=== Begin Enclosure ===
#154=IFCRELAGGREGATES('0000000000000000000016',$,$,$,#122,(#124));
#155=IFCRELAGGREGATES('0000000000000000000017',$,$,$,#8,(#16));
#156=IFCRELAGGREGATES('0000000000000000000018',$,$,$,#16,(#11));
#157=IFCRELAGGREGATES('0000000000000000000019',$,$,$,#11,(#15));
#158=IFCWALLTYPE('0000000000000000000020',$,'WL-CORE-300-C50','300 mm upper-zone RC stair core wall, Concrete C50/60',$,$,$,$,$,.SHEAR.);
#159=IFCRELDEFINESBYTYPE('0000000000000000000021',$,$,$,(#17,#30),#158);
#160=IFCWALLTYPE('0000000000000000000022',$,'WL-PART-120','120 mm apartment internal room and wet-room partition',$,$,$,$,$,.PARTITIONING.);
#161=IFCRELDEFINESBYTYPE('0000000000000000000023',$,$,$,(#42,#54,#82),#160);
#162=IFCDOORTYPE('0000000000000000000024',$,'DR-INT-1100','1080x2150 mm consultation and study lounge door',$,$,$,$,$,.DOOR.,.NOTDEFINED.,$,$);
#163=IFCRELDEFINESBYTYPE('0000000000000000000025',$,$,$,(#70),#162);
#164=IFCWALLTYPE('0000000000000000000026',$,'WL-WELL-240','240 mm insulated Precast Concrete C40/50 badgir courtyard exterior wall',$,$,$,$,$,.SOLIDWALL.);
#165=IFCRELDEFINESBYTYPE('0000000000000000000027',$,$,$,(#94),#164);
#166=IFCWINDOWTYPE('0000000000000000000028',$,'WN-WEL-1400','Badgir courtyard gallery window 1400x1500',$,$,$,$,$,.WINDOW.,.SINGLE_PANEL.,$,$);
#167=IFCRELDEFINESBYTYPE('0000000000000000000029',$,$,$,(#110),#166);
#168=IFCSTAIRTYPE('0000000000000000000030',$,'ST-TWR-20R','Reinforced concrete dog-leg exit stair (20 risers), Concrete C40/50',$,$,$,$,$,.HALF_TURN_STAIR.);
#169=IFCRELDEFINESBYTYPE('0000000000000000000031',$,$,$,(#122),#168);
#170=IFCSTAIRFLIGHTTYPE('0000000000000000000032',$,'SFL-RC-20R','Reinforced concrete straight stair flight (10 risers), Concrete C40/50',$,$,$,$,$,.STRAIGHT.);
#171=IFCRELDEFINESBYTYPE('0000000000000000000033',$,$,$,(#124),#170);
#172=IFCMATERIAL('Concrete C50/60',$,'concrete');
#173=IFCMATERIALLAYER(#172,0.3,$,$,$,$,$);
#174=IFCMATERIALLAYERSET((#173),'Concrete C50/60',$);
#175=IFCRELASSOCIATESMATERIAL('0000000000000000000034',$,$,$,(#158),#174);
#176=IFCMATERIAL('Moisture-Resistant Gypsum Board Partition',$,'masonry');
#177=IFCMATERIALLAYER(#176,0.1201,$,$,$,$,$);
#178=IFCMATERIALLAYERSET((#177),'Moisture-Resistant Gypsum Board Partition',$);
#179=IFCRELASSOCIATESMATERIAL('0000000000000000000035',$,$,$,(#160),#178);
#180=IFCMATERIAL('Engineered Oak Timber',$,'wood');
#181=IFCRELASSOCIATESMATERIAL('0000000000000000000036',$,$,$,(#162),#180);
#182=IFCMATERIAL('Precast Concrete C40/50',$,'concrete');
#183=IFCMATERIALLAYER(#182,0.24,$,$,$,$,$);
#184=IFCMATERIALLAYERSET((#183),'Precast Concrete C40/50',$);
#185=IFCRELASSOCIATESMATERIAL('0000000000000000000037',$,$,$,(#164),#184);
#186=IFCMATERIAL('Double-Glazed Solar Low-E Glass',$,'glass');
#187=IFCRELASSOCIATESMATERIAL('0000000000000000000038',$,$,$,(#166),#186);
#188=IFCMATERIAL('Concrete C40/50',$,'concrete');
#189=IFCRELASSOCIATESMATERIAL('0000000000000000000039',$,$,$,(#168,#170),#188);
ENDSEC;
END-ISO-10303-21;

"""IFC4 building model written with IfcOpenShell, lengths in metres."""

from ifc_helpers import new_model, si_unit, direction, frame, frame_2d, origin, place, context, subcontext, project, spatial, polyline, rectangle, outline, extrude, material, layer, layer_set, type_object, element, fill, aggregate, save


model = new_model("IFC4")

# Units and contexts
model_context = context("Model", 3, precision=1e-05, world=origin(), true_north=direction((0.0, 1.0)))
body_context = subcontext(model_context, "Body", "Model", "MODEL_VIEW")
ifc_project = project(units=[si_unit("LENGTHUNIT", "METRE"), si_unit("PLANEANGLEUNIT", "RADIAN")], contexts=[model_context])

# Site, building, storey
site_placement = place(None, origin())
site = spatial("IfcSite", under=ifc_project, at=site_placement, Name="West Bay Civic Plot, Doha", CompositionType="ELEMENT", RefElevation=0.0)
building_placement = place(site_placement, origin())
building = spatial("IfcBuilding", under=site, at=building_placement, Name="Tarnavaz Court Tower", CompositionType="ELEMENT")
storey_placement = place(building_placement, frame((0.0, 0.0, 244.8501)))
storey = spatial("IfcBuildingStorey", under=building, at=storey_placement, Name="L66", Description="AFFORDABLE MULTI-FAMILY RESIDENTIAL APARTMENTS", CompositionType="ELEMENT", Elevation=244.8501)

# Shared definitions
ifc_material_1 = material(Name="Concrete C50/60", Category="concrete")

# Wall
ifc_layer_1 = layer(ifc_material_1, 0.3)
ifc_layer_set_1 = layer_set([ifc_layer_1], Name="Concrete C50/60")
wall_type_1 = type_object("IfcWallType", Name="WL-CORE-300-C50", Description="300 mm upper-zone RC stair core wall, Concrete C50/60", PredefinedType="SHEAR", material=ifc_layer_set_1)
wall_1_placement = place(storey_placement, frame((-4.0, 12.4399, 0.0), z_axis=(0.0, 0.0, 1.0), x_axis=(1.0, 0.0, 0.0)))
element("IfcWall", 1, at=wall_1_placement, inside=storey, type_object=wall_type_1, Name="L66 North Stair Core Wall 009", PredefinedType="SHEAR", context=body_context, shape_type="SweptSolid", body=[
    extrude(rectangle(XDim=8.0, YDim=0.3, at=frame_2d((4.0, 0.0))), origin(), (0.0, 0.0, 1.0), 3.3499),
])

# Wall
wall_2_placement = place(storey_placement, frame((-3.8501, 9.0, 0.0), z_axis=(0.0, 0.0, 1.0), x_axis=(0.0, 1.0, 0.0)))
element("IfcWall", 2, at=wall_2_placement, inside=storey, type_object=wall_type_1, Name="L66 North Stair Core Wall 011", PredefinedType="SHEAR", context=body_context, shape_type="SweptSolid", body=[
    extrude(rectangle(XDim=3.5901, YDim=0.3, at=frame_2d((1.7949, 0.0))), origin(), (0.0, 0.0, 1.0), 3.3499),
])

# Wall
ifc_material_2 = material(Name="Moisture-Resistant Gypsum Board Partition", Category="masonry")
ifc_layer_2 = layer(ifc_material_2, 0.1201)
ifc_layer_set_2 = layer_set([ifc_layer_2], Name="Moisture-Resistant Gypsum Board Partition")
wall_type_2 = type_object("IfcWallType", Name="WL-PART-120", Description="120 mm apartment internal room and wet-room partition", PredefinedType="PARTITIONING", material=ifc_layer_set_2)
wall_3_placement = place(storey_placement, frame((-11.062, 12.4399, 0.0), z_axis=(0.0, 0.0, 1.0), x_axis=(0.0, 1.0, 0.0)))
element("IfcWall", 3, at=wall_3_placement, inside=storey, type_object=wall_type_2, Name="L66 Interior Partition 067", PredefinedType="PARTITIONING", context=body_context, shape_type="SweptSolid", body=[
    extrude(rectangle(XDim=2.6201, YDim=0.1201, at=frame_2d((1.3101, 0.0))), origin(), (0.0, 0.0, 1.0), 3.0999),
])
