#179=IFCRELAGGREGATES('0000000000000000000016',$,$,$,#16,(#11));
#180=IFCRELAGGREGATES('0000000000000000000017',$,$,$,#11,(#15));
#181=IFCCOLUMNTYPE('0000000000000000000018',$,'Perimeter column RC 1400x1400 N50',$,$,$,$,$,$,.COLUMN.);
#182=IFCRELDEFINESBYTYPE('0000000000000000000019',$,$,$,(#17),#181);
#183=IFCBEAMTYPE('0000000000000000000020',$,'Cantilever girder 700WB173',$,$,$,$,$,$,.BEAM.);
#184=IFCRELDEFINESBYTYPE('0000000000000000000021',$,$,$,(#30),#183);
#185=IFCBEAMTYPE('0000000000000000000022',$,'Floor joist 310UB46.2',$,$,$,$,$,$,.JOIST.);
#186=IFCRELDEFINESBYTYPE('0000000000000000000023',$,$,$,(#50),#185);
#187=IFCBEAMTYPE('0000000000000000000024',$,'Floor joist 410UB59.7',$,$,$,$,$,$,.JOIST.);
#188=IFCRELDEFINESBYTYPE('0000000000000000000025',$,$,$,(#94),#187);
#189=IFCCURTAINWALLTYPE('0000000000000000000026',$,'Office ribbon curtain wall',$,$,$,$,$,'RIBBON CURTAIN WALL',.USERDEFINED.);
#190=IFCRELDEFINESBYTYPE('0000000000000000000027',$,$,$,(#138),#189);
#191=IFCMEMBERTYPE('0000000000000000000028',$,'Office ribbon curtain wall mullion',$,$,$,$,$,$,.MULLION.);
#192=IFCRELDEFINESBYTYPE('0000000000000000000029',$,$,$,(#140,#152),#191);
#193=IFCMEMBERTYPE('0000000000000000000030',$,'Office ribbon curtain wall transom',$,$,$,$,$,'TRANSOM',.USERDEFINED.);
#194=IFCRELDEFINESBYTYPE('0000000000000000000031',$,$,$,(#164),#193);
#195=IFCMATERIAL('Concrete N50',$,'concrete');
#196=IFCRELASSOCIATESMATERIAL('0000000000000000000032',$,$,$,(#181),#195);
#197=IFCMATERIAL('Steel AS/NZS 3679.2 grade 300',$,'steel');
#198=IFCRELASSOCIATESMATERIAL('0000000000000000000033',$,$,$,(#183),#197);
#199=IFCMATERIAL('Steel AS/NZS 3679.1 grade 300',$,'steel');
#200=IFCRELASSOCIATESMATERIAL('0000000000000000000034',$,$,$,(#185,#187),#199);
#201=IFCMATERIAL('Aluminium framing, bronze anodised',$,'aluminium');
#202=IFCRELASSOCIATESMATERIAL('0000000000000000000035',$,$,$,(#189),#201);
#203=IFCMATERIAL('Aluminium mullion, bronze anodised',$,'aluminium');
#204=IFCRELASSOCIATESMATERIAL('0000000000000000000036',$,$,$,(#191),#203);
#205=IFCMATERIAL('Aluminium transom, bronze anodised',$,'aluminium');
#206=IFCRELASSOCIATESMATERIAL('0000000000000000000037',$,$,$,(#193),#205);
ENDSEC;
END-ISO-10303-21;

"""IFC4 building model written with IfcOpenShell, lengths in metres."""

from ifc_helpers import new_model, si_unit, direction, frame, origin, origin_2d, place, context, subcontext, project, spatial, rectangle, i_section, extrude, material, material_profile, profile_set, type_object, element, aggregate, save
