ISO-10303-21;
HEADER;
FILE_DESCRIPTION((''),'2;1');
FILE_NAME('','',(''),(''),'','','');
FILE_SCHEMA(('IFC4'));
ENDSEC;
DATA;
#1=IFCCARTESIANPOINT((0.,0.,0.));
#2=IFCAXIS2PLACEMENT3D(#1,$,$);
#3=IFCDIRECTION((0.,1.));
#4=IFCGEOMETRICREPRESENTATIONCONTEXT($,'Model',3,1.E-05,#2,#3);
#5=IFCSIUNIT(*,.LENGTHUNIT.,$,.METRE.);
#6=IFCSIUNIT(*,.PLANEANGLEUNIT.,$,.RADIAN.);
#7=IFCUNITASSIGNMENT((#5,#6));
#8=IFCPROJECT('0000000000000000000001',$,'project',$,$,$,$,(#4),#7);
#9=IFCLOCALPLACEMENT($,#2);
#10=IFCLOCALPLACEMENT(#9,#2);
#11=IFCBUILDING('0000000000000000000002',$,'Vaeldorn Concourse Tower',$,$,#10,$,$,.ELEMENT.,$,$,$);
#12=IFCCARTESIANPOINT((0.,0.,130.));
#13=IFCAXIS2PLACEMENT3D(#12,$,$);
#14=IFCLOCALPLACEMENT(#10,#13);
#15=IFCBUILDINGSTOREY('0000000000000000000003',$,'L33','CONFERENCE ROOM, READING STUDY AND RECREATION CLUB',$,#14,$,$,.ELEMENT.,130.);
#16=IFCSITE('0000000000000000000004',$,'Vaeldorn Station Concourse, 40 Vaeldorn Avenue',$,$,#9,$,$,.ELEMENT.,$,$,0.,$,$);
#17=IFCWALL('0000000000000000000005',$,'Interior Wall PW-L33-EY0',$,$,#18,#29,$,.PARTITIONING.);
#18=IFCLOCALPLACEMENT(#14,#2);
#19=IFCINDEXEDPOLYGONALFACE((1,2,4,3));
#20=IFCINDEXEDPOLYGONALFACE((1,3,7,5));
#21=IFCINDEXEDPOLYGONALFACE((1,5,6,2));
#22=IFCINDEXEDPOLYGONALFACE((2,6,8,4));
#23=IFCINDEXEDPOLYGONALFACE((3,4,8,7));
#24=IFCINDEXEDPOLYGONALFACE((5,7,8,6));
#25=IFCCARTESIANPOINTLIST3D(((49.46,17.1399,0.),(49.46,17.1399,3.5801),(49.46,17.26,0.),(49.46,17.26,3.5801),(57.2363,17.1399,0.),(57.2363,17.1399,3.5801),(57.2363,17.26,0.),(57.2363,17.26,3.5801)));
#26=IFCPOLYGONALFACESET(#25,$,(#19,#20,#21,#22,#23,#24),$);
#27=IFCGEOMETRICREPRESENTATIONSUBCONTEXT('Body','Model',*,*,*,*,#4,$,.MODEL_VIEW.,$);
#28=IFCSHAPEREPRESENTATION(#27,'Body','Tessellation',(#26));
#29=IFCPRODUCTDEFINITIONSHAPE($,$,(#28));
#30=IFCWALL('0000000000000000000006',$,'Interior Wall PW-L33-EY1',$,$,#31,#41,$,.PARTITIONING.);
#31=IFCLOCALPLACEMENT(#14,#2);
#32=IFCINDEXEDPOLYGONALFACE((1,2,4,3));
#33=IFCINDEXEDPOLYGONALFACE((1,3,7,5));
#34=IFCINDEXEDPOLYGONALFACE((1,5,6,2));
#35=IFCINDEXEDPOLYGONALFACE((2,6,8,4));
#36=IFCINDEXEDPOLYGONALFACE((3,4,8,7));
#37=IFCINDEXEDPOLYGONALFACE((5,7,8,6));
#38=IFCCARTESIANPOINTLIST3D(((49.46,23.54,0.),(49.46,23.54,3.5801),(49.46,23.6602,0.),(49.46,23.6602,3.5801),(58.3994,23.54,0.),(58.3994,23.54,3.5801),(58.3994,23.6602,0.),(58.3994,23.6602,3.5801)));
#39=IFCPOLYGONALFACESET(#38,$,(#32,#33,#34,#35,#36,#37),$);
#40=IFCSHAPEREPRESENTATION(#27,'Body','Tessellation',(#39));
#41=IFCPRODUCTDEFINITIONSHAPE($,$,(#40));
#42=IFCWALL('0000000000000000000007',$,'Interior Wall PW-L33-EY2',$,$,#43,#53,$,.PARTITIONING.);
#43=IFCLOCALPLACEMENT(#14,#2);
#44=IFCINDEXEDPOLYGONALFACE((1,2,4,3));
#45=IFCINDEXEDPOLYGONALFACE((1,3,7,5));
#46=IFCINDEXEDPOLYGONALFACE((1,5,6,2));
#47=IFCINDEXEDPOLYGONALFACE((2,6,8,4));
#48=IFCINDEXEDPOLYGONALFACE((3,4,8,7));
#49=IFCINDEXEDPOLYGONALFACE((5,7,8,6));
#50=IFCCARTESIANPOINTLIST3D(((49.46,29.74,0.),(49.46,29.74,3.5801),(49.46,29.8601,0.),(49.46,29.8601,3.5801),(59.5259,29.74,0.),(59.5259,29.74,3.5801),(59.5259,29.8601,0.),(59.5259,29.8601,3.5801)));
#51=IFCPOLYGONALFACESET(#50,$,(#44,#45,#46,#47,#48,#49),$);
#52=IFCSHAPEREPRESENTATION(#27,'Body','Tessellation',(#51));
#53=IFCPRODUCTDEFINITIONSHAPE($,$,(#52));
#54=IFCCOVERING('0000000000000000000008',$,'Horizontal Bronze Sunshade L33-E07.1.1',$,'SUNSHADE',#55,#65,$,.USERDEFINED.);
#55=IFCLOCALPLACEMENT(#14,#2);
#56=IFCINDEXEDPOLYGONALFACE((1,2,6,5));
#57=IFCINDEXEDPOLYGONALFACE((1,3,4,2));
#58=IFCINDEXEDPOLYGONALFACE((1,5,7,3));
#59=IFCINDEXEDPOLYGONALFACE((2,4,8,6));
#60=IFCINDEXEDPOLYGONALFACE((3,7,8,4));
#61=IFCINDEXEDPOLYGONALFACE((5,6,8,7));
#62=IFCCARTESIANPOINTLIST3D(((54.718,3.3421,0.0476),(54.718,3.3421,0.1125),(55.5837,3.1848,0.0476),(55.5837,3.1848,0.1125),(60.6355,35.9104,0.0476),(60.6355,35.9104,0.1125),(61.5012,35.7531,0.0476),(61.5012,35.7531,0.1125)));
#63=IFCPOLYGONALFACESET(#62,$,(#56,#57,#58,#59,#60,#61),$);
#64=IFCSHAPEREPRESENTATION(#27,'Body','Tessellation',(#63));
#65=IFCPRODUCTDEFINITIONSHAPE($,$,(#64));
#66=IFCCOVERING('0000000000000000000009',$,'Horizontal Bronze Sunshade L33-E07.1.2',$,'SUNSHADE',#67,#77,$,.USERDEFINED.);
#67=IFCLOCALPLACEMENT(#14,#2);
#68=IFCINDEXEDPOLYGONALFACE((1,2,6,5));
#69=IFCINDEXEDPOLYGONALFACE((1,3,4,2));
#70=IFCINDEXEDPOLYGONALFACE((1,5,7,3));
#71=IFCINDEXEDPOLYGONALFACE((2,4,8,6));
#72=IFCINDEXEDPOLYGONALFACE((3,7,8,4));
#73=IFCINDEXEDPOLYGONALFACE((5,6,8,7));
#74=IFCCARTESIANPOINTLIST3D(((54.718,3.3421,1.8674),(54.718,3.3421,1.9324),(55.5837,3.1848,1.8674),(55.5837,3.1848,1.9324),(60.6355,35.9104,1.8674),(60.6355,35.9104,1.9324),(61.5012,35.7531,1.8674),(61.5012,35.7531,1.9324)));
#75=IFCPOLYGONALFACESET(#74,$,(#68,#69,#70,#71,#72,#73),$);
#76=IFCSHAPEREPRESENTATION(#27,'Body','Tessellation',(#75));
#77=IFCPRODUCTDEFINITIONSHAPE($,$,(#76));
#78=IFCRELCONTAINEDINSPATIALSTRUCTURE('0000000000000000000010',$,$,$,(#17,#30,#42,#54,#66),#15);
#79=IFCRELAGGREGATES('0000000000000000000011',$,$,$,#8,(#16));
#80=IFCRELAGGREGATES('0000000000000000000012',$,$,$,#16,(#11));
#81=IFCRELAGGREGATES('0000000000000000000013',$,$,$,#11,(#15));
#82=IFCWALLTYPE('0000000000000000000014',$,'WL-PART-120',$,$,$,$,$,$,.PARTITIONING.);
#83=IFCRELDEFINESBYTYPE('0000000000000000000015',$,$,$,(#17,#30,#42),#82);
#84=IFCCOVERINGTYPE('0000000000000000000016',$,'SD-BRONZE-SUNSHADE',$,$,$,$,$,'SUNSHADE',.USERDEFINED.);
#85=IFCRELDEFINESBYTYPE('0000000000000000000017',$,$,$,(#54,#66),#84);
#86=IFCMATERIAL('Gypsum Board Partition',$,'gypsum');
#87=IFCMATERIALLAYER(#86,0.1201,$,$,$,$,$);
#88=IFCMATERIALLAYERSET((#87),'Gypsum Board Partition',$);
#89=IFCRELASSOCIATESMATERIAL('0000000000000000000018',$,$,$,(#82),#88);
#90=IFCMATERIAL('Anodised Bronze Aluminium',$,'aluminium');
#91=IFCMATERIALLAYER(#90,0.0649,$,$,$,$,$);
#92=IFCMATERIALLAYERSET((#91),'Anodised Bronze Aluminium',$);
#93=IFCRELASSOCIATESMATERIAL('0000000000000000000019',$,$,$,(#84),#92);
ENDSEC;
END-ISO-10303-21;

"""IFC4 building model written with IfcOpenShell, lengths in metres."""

from ifc_helpers import new_model, si_unit, direction, frame, frame_2d, origin, origin_2d, place, context, subcontext, project, spatial, rectangle, extrude, source, transform, mapped, material, layer, layer_set, type_object, element, save


model = new_model("IFC4")

# Units and contexts
model_context = context("Model", 3, precision=1e-05, world=origin(), true_north=direction((0.0, 1.0)))
body_context = subcontext(model_context, "Body", "Model", "MODEL_VIEW")
ifc_project = project(units=[si_unit("LENGTHUNIT", "METRE"), si_unit("PLANEANGLEUNIT", "RADIAN")], contexts=[model_context])

# Site, building, storey
site_placement = place(None, origin())
site = spatial("IfcSite", under=ifc_project, at=site_placement, Name="Vaeldorn Station Concourse, 40 Vaeldorn Avenue", CompositionType="ELEMENT", RefElevation=0.0)
building_placement = place(site_placement, origin())
building = spatial("IfcBuilding", under=site, at=building_placement, Name="Vaeldorn Concourse Tower", CompositionType="ELEMENT")
storey_placement = place(building_placement, frame((0.0, 0.0, 130.0)))
storey = spatial("IfcBuildingStorey", under=building, at=storey_placement, Name="L33", Description="CONFERENCE ROOM, READING STUDY AND RECREATION CLUB", CompositionType="ELEMENT", Elevation=130.0)

# Shared definitions
ifc_material_1 = material(Name="Anodised Bronze Aluminium", Category="aluminium")

# Shared definitions
ifc_material_2 = material(Name="Gypsum Board Partition", Category="gypsum")
ifc_layer_1 = layer(ifc_material_2, 0.1201)
ifc_layer_set_1 = layer_set([ifc_layer_1], Name="Gypsum Board Partition")
wall_type = type_object("IfcWallType", Name="WL-PART-120", PredefinedType="PARTITIONING", material=ifc_layer_set_1)

# Walls
wall_1_placement = place(storey_placement, frame((49.46, 17.2, 0.0), z_axis=(0.0, 0.0, 1.0), x_axis=(1.0, 0.0, 0.0)))
element("IfcWall", 1, at=wall_1_placement, inside=storey, type_object=wall_type, Name="Interior Wall PW-L33-EY0", PredefinedType="PARTITIONING", context=body_context, shape_type="SweptSolid", body=[
    extrude(rectangle(XDim=7.7764, YDim=0.1201, at=frame_2d((3.8882, 0.0))), origin(), (0.0, 0.0, 1.0), 3.5801),
])
wall_2_placement = place(storey_placement, frame((49.46, 23.6001, 0.0), z_axis=(0.0, 0.0, 1.0), x_axis=(1.0, 0.0, 0.0)))
element("IfcWall", 2, at=wall_2_placement, inside=storey, type_object=wall_type, Name="Interior Wall PW-L33-EY1", PredefinedType="PARTITIONING", context=body_context, shape_type="SweptSolid", body=[
    extrude(rectangle(XDim=8.9395, YDim=0.1201, at=frame_2d((4.4697, 0.0))), origin(), (0.0, 0.0, 1.0), 3.5801),
])
wall_3_placement = place(storey_placement, frame((49.46, 29.8, 0.0), z_axis=(0.0, 0.0, 1.0), x_axis=(1.0, 0.0, 0.0)))
element("IfcWall", 3, at=wall_3_placement, inside=storey, type_object=wall_type, Name="Interior Wall PW-L33-EY2", PredefinedType="PARTITIONING", context=body_context, shape_type="SweptSolid", body=[
    extrude(rectangle(XDim=10.0659, YDim=0.1201, at=frame_2d((5.033, 0.0))), origin(), (0.0, 0.0, 1.0), 3.5801),
])

# Coverings
ifc_layer_2 = layer(ifc_material_1, 0.0649)
ifc_layer_set_2 = layer_set([ifc_layer_2], Name="Anodised Bronze Aluminium")
covering_type = type_object("IfcCoveringType", Name="SD-BRONZE-SUNSHADE", ElementType="SUNSHADE", PredefinedType="USERDEFINED", material=ifc_layer_set_2)
shared_shape_1 = source(origin(), body_context, "Body", "SweptSolid", [
    extrude(rectangle(XDim=33.1016, YDim=0.8799, at=origin_2d()), origin(), (0.0, 0.0, 1.0), 0.0649),
])
for number, where, z_axis, x_axis, name in (
    (4, (58.1096, 19.5476, 0.0476), (0.0, 0.0, 1.0), (0.178768, 0.983891, 0.0), "Horizontal Bronze Sunshade L33-E07.1.1"),
    (5, (58.1096, 19.5476, 1.8674), (0.0, 0.0, 1.0), (0.178768, 0.983891, 0.0), "Horizontal Bronze Sunshade L33-E07.1.2"),
):
    element("IfcCovering", number, at=place(storey_placement, frame(where, z_axis=z_axis, x_axis=x_axis)), inside=storey, type_object=covering_type, Name=name, ObjectType="SUNSHADE", PredefinedType="USERDEFINED", context=body_context, shape_type="MappedRepresentation", body=[
        mapped(shared_shape_1, transform((0.0, 0.0, 0.0), scale=1.0)),
    ])

save(model, "model.ifc")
=== End Enclosure ===
Up to and including the line with "#157=IFCRELAGGREGATES('0000000000000000000019',$,$,$,#11,(#15));", restate the records above word for word from the very first line.

#154=IFCRELAGGREGATES('0000000000000000000016',$,$,$,#122,(#124));
#155=IFCRELAGGREGATES('0000000000000000000017',$,$,$,#8,(#16));
#156=IFCRELAGGREGATES('0000000000000000000018',$,$,$,#16,(#11));
#157=IFCRELAGGREGATES('0000000000000000000019',$,$,$,#11,(#15));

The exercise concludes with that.